● **To do**
Output the number of lines in the entries below with the string "IFCRELASSOCIATESMATERIAL" in them, and nothing further.

● **Stored data entries**
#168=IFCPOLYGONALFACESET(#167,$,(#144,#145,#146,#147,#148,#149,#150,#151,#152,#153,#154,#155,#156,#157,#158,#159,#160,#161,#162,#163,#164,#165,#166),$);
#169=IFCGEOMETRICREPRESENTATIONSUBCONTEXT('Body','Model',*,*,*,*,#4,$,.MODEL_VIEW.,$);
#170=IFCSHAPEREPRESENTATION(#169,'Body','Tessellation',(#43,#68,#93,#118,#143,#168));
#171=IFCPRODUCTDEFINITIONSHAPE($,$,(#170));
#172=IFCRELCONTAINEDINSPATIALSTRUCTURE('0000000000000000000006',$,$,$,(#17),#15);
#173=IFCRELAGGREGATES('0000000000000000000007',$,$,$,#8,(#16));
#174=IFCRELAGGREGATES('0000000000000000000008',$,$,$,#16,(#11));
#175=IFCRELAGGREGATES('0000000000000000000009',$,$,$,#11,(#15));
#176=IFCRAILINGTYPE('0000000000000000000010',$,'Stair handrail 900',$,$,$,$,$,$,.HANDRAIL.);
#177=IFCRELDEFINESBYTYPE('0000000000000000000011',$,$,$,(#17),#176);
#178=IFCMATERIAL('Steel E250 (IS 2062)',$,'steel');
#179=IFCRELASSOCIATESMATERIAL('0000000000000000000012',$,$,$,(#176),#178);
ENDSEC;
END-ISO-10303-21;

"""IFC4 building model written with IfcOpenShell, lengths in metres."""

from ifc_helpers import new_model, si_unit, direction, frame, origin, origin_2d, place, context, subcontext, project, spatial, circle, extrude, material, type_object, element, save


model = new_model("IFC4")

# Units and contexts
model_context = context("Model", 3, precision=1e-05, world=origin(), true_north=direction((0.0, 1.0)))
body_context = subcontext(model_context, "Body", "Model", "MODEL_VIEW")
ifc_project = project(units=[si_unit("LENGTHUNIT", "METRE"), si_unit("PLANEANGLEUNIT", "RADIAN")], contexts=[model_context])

==

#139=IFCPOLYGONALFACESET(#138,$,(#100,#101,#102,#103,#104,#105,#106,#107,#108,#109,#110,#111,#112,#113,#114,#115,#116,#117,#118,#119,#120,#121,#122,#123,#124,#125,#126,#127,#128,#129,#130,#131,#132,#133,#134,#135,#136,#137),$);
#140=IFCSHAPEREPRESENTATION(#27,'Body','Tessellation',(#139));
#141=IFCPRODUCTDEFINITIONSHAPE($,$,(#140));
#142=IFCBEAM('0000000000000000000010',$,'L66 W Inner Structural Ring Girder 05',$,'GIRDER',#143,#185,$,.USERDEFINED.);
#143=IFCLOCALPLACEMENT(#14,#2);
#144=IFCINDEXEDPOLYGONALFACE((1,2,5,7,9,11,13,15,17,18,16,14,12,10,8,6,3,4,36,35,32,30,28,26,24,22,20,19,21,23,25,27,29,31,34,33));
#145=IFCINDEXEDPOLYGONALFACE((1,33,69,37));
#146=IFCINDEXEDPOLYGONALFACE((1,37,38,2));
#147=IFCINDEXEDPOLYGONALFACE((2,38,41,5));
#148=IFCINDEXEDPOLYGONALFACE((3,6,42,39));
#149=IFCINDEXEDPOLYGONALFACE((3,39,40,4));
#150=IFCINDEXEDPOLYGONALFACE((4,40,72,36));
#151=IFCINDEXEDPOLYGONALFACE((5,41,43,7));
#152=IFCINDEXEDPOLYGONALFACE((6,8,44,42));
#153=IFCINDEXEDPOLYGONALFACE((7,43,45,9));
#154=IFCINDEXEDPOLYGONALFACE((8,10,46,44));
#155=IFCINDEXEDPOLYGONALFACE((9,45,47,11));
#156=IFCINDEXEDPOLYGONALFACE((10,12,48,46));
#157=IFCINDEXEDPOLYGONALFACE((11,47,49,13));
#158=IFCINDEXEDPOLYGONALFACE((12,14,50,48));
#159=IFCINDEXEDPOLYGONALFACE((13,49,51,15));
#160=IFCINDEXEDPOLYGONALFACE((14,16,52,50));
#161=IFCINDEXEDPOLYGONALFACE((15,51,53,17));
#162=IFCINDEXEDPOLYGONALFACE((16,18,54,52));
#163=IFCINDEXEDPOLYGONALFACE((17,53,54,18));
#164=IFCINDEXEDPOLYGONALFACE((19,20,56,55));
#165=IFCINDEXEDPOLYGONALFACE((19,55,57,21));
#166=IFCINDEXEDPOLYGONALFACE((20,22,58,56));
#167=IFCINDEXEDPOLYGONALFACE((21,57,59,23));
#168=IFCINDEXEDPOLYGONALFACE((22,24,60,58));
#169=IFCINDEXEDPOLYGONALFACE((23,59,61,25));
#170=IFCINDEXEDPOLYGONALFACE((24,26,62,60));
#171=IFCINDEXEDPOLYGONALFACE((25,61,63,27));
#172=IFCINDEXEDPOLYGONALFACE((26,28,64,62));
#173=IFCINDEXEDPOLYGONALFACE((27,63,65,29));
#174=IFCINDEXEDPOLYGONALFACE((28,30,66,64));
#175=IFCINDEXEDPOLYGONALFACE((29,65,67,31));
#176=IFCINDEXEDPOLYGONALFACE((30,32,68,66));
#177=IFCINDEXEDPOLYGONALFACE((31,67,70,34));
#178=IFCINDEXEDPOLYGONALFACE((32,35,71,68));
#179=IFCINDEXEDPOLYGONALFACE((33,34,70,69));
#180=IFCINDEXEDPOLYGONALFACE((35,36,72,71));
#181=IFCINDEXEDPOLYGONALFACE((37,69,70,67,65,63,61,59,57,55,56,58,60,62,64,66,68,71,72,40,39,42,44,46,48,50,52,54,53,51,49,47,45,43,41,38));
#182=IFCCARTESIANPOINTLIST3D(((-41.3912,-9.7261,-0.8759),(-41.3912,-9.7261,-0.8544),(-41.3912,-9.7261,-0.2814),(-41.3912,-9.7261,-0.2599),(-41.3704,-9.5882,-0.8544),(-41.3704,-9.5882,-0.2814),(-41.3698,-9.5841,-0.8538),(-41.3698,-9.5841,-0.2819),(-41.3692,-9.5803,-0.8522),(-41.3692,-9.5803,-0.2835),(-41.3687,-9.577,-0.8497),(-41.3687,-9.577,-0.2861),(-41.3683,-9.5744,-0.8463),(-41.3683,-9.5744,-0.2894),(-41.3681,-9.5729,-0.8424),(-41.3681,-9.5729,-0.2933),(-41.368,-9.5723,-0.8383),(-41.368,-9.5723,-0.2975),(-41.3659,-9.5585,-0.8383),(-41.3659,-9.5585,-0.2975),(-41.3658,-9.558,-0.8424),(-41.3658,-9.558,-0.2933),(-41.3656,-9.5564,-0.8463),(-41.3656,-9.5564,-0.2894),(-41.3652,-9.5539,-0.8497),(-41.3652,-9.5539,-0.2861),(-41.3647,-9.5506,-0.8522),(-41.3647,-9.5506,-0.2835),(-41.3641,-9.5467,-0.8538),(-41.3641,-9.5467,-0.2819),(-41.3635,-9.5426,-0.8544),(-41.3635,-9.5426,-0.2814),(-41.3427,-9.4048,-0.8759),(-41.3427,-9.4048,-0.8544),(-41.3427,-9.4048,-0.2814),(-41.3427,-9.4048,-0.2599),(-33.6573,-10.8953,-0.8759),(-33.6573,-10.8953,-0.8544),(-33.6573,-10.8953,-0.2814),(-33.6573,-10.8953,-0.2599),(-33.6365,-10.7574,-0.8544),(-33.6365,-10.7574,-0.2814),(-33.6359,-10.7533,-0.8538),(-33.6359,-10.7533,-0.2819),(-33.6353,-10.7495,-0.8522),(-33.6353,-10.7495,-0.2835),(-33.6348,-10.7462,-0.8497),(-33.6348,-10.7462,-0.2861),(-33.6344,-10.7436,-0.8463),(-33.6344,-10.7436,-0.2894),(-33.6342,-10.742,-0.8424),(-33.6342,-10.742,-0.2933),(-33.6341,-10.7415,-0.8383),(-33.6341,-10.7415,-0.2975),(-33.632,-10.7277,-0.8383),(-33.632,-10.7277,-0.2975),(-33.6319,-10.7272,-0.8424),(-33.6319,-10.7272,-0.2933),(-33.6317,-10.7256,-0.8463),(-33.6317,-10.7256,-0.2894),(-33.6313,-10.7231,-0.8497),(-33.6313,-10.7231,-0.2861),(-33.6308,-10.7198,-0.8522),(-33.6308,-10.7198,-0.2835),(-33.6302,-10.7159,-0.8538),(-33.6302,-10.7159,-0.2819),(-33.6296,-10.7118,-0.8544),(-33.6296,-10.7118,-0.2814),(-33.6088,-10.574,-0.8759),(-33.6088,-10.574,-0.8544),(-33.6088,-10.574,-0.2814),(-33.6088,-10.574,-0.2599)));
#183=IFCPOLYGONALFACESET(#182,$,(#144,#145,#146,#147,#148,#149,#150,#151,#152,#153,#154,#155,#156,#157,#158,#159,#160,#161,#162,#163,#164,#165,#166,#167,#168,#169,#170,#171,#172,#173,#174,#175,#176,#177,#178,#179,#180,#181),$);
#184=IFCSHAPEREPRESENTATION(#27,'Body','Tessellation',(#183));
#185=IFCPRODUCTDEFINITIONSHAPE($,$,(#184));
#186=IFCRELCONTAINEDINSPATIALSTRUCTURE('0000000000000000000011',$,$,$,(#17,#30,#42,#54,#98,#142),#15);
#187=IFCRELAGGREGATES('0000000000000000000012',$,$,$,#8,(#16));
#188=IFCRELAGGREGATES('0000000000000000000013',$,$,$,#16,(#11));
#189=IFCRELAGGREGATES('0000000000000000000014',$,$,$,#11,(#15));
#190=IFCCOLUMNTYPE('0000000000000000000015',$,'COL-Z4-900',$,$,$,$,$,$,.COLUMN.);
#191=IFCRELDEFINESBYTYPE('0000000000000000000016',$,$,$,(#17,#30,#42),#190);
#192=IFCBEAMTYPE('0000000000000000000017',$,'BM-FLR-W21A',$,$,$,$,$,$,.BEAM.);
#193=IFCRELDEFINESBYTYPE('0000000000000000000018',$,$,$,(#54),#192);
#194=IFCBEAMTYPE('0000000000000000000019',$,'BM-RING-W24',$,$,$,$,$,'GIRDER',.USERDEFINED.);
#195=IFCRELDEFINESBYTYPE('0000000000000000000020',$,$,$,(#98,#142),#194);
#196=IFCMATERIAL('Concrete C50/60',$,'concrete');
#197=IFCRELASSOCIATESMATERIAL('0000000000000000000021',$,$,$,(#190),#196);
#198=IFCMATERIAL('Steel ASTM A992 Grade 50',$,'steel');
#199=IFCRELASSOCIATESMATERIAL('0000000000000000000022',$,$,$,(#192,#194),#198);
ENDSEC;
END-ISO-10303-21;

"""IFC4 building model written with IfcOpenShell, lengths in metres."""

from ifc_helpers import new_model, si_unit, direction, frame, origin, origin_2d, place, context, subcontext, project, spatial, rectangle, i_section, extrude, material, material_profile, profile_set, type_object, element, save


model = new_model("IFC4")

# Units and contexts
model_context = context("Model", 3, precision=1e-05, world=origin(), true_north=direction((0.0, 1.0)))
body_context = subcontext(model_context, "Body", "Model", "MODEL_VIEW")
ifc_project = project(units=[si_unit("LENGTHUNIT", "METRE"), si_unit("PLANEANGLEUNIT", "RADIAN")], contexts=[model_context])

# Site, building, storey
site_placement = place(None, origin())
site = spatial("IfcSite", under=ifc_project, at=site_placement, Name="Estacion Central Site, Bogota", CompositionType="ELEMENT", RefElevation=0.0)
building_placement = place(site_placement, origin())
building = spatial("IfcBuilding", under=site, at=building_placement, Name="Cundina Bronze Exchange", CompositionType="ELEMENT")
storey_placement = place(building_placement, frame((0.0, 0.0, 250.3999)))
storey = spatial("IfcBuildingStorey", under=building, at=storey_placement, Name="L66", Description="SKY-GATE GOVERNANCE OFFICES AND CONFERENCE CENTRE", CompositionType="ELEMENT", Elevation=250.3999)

● **Expected answer**
3